Segment Start: Data provided
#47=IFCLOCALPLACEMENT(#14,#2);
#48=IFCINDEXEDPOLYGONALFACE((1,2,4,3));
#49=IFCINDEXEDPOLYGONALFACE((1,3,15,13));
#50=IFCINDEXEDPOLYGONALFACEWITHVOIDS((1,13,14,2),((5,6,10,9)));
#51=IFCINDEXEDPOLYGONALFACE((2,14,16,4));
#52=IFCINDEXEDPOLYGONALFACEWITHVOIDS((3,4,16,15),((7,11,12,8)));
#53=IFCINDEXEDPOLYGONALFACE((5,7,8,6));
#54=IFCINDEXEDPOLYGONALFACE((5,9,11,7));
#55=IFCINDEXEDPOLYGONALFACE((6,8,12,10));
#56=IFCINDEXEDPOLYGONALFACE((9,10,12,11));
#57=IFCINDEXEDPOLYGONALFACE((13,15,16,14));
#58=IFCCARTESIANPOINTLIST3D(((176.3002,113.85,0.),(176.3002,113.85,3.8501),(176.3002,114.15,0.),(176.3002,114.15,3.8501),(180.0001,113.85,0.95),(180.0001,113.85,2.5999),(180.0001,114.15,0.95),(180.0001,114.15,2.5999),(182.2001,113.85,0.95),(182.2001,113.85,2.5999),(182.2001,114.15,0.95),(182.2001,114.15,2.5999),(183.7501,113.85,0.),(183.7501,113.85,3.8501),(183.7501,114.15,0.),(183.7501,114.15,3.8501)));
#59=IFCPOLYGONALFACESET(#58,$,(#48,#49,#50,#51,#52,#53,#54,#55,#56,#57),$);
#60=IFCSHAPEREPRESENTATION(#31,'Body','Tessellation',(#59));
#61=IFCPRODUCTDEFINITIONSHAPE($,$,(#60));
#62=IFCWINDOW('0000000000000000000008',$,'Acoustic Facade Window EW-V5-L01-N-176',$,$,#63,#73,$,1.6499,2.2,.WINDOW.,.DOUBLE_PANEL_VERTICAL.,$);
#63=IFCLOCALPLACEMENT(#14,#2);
Segment End: Data provided
Segment Start: Data provided
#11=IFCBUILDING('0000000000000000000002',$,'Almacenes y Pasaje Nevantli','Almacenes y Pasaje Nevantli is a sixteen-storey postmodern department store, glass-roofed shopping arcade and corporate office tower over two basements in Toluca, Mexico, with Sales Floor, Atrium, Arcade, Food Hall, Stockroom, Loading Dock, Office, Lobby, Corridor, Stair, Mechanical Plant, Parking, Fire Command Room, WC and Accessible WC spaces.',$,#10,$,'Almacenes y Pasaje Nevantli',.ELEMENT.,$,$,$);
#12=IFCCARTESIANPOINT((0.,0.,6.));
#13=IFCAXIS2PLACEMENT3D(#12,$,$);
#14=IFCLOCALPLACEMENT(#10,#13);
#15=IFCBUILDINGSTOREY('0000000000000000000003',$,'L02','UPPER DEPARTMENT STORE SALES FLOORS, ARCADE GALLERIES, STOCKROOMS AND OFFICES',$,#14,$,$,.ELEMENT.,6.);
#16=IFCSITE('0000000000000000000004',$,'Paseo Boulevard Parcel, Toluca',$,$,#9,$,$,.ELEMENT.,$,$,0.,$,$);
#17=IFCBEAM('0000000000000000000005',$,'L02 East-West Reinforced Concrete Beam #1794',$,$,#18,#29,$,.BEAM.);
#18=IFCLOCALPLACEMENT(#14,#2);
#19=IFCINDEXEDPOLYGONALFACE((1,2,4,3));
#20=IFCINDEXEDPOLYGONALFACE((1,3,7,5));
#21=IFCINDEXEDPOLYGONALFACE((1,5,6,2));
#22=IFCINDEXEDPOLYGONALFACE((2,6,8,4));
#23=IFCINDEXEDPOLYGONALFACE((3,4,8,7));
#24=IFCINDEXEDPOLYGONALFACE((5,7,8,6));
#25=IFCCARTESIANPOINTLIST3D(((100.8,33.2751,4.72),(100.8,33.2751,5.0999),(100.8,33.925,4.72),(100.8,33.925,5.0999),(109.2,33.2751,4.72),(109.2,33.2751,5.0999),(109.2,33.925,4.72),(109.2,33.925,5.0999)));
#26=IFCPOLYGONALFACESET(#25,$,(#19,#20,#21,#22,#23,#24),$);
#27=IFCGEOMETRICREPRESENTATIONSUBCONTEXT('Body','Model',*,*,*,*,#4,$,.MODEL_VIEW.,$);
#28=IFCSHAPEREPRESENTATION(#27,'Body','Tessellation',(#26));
Segment End: Data provided
Segment Start: Data provided
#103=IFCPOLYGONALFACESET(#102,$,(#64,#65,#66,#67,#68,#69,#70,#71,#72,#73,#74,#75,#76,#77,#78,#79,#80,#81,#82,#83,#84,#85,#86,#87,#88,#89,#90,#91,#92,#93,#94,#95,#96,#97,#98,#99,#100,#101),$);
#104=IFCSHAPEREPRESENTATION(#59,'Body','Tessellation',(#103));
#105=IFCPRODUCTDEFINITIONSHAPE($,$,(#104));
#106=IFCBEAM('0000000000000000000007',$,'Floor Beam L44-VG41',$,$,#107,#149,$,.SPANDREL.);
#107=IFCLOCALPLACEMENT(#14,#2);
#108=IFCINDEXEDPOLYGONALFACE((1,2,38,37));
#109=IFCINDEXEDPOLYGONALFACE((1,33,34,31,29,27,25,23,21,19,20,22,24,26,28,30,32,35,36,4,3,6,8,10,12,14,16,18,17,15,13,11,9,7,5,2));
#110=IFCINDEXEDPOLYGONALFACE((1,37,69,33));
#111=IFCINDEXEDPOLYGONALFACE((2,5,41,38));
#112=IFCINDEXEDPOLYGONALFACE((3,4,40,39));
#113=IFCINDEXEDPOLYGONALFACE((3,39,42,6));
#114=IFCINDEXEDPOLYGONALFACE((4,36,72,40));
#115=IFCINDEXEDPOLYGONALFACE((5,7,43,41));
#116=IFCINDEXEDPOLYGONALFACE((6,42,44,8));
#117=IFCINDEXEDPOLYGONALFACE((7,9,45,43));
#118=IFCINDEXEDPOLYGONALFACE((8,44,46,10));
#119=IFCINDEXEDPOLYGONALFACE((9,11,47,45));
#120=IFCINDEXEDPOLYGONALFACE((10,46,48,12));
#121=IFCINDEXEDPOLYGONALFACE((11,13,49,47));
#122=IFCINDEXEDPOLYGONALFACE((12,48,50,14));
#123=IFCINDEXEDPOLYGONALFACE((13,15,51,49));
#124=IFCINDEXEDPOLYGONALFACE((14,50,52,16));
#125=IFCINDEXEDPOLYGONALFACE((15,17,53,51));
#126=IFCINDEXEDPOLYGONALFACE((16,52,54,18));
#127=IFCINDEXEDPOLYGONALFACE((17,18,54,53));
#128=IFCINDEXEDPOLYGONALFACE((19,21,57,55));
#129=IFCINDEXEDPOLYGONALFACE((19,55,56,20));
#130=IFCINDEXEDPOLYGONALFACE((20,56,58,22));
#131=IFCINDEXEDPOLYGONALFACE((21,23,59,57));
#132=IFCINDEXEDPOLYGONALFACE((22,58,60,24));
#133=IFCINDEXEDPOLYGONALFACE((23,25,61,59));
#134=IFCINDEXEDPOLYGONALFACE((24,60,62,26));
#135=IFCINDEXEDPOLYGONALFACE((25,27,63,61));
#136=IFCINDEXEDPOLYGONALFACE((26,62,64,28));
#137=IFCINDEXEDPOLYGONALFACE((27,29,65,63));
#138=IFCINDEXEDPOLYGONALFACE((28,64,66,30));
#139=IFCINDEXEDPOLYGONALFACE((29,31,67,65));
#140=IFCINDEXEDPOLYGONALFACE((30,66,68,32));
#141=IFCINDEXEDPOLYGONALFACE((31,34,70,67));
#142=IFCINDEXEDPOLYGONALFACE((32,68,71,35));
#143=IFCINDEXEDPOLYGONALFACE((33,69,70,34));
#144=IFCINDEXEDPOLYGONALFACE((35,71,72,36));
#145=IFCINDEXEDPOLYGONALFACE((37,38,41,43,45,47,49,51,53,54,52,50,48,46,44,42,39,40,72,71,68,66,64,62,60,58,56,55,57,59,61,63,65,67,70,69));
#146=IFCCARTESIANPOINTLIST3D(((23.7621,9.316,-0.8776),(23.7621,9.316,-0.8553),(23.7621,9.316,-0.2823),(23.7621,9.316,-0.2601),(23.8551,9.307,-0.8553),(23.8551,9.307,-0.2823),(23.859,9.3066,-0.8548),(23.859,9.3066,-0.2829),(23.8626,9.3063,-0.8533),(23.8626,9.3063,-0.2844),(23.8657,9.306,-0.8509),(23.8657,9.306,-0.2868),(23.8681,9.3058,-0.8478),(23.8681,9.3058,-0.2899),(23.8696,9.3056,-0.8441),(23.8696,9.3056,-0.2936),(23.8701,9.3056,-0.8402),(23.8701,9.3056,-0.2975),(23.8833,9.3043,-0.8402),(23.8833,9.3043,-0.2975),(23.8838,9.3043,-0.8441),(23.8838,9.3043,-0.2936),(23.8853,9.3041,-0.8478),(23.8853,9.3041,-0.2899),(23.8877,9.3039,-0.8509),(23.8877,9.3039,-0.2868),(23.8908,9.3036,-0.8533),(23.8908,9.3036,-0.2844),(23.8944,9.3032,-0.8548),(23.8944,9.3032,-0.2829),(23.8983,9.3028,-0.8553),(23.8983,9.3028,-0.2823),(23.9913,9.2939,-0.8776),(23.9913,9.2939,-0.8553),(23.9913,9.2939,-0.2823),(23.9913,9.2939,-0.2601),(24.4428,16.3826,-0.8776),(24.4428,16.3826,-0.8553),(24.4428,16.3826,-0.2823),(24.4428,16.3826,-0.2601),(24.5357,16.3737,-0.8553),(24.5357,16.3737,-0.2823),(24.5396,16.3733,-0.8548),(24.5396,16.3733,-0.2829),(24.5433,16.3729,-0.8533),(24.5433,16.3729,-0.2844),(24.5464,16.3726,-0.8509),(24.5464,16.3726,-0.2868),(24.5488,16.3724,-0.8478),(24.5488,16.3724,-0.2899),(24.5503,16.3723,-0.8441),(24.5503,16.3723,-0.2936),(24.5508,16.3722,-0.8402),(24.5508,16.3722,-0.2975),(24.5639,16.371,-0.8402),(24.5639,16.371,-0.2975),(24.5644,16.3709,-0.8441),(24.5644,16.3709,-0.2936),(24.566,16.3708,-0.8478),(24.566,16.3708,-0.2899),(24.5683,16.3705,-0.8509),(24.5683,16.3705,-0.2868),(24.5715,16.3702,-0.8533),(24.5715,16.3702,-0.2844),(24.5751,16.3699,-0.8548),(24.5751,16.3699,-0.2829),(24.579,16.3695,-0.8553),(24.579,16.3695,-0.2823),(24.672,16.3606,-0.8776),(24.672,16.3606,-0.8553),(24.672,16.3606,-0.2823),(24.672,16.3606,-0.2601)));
Segment End: Data provided
[Work task]: For this exercise, repeat exactly the lines of the data above from the one with "#128=IFCINDEXEDPOLYGONALFACE((19,21,57,55));" down to the one with "#139=IFCINDEXEDPOLYGONALFACE((29,31,67,65));", both end lines included.

[Response to this task]:
#128=IFCINDEXEDPOLYGONALFACE((19,21,57,55));
#129=IFCINDEXEDPOLYGONALFACE((19,55,56,20));
#130=IFCINDEXEDPOLYGONALFACE((20,56,58,22));
#131=IFCINDEXEDPOLYGONALFACE((21,23,59,57));
#132=IFCINDEXEDPOLYGONALFACE((22,58,60,24));
#133=IFCINDEXEDPOLYGONALFACE((23,25,61,59));
#134=IFCINDEXEDPOLYGONALFACE((24,60,62,26));
#135=IFCINDEXEDPOLYGONALFACE((25,27,63,61));
#136=IFCINDEXEDPOLYGONALFACE((26,62,64,28));
#137=IFCINDEXEDPOLYGONALFACE((27,29,65,63));
#138=IFCINDEXEDPOLYGONALFACE((28,64,66,30));
#139=IFCINDEXEDPOLYGONALFACE((29,31,67,65));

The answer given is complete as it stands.